**Instructions to follow:** Output the full listing below, keeping each line exact.

**Exercise data:**
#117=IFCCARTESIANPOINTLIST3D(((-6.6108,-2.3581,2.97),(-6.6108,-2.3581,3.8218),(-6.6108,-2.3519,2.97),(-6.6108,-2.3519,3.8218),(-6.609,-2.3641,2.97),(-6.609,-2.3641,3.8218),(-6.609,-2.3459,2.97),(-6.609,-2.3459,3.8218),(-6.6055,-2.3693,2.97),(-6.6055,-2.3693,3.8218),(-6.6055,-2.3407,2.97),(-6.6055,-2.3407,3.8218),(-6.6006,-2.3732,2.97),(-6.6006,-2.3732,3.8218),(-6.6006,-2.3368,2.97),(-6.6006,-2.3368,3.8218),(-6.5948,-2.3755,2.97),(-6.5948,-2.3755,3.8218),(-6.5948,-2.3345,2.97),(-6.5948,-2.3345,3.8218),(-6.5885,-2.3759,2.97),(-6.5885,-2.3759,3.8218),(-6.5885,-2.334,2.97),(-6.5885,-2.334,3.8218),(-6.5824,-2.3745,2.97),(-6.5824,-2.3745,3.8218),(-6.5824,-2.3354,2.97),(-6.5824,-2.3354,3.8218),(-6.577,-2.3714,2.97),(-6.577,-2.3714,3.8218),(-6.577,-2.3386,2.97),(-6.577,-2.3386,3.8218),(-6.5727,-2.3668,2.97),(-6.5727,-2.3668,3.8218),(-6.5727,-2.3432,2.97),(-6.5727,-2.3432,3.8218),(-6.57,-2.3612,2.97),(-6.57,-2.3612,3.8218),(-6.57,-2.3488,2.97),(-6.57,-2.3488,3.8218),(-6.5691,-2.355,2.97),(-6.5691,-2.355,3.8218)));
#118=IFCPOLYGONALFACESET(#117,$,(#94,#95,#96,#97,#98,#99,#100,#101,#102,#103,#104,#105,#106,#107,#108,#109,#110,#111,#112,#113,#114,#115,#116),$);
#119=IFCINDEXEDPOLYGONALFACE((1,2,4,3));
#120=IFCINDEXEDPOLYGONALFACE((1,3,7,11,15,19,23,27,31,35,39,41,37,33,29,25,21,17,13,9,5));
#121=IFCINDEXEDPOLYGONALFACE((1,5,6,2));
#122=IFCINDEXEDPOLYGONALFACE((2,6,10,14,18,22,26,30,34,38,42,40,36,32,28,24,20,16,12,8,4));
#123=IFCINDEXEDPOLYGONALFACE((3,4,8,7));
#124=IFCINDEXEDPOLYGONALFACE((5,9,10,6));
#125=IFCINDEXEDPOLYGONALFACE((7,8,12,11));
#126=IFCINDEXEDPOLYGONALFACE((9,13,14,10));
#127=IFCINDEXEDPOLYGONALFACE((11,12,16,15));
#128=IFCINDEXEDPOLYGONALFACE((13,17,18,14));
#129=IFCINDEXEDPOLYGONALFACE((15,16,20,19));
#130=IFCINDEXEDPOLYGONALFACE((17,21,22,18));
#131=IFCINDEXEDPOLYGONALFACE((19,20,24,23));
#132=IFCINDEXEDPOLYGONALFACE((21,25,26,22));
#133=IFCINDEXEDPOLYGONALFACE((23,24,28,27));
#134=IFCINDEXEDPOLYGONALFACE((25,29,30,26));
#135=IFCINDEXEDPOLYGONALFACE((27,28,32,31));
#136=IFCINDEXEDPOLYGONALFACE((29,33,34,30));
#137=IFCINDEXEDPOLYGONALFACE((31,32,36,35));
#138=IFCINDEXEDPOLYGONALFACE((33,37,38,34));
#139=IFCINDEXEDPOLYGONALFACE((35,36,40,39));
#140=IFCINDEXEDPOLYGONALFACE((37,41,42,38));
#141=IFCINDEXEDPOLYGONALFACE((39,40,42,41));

**Solution to the exercise:**
#117=IFCCARTESIANPOINTLIST3D(((-6.6108,-2.3581,2.97),(-6.6108,-2.3581,3.8218),(-6.6108,-2.3519,2.97),(-6.6108,-2.3519,3.8218),(-6.609,-2.3641,2.97),(-6.609,-2.3641,3.8218),(-6.609,-2.3459,2.97),(-6.609,-2.3459,3.8218),(-6.6055,-2.3693,2.97),(-6.6055,-2.3693,3.8218),(-6.6055,-2.3407,2.97),(-6.6055,-2.3407,3.8218),(-6.6006,-2.3732,2.97),(-6.6006,-2.3732,3.8218),(-6.6006,-2.3368,2.97),(-6.6006,-2.3368,3.8218),(-6.5948,-2.3755,2.97),(-6.5948,-2.3755,3.8218),(-6.5948,-2.3345,2.97),(-6.5948,-2.3345,3.8218),(-6.5885,-2.3759,2.97),(-6.5885,-2.3759,3.8218),(-6.5885,-2.334,2.97),(-6.5885,-2.334,3.8218),(-6.5824,-2.3745,2.97),(-6.5824,-2.3745,3.8218),(-6.5824,-2.3354,2.97),(-6.5824,-2.3354,3.8218),(-6.577,-2.3714,2.97),(-6.577,-2.3714,3.8218),(-6.577,-2.3386,2.97),(-6.577,-2.3386,3.8218),(-6.5727,-2.3668,2.97),(-6.5727,-2.3668,3.8218),(-6.5727,-2.3432,2.97),(-6.5727,-2.3432,3.8218),(-6.57,-2.3612,2.97),(-6.57,-2.3612,3.8218),(-6.57,-2.3488,2.97),(-6.57,-2.3488,3.8218),(-6.5691,-2.355,2.97),(-6.5691,-2.355,3.8218)));
#118=IFCPOLYGONALFACESET(#117,$,(#94,#95,#96,#97,#98,#99,#100,#101,#102,#103,#104,#105,#106,#107,#108,#109,#110,#111,#112,#113,#114,#115,#116),$);
#119=IFCINDEXEDPOLYGONALFACE((1,2,4,3));
#120=IFCINDEXEDPOLYGONALFACE((1,3,7,11,15,19,23,27,31,35,39,41,37,33,29,25,21,17,13,9,5));
#121=IFCINDEXEDPOLYGONALFACE((1,5,6,2));
#122=IFCINDEXEDPOLYGONALFACE((2,6,10,14,18,22,26,30,34,38,42,40,36,32,28,24,20,16,12,8,4));
#123=IFCINDEXEDPOLYGONALFACE((3,4,8,7));
#124=IFCINDEXEDPOLYGONALFACE((5,9,10,6));
#125=IFCINDEXEDPOLYGONALFACE((7,8,12,11));
#126=IFCINDEXEDPOLYGONALFACE((9,13,14,10));
#127=IFCINDEXEDPOLYGONALFACE((11,12,16,15));
#128=IFCINDEXEDPOLYGONALFACE((13,17,18,14));
#129=IFCINDEXEDPOLYGONALFACE((15,16,20,19));
#130=IFCINDEXEDPOLYGONALFACE((17,21,22,18));
#131=IFCINDEXEDPOLYGONALFACE((19,20,24,23));
#132=IFCINDEXEDPOLYGONALFACE((21,25,26,22));
#133=IFCINDEXEDPOLYGONALFACE((23,24,28,27));
#134=IFCINDEXEDPOLYGONALFACE((25,29,30,26));
#135=IFCINDEXEDPOLYGONALFACE((27,28,32,31));
#136=IFCINDEXEDPOLYGONALFACE((29,33,34,30));
#137=IFCINDEXEDPOLYGONALFACE((31,32,36,35));
#138=IFCINDEXEDPOLYGONALFACE((33,37,38,34));
#139=IFCINDEXEDPOLYGONALFACE((35,36,40,39));
#140=IFCINDEXEDPOLYGONALFACE((37,41,42,38));
#141=IFCINDEXEDPOLYGONALFACE((39,40,42,41));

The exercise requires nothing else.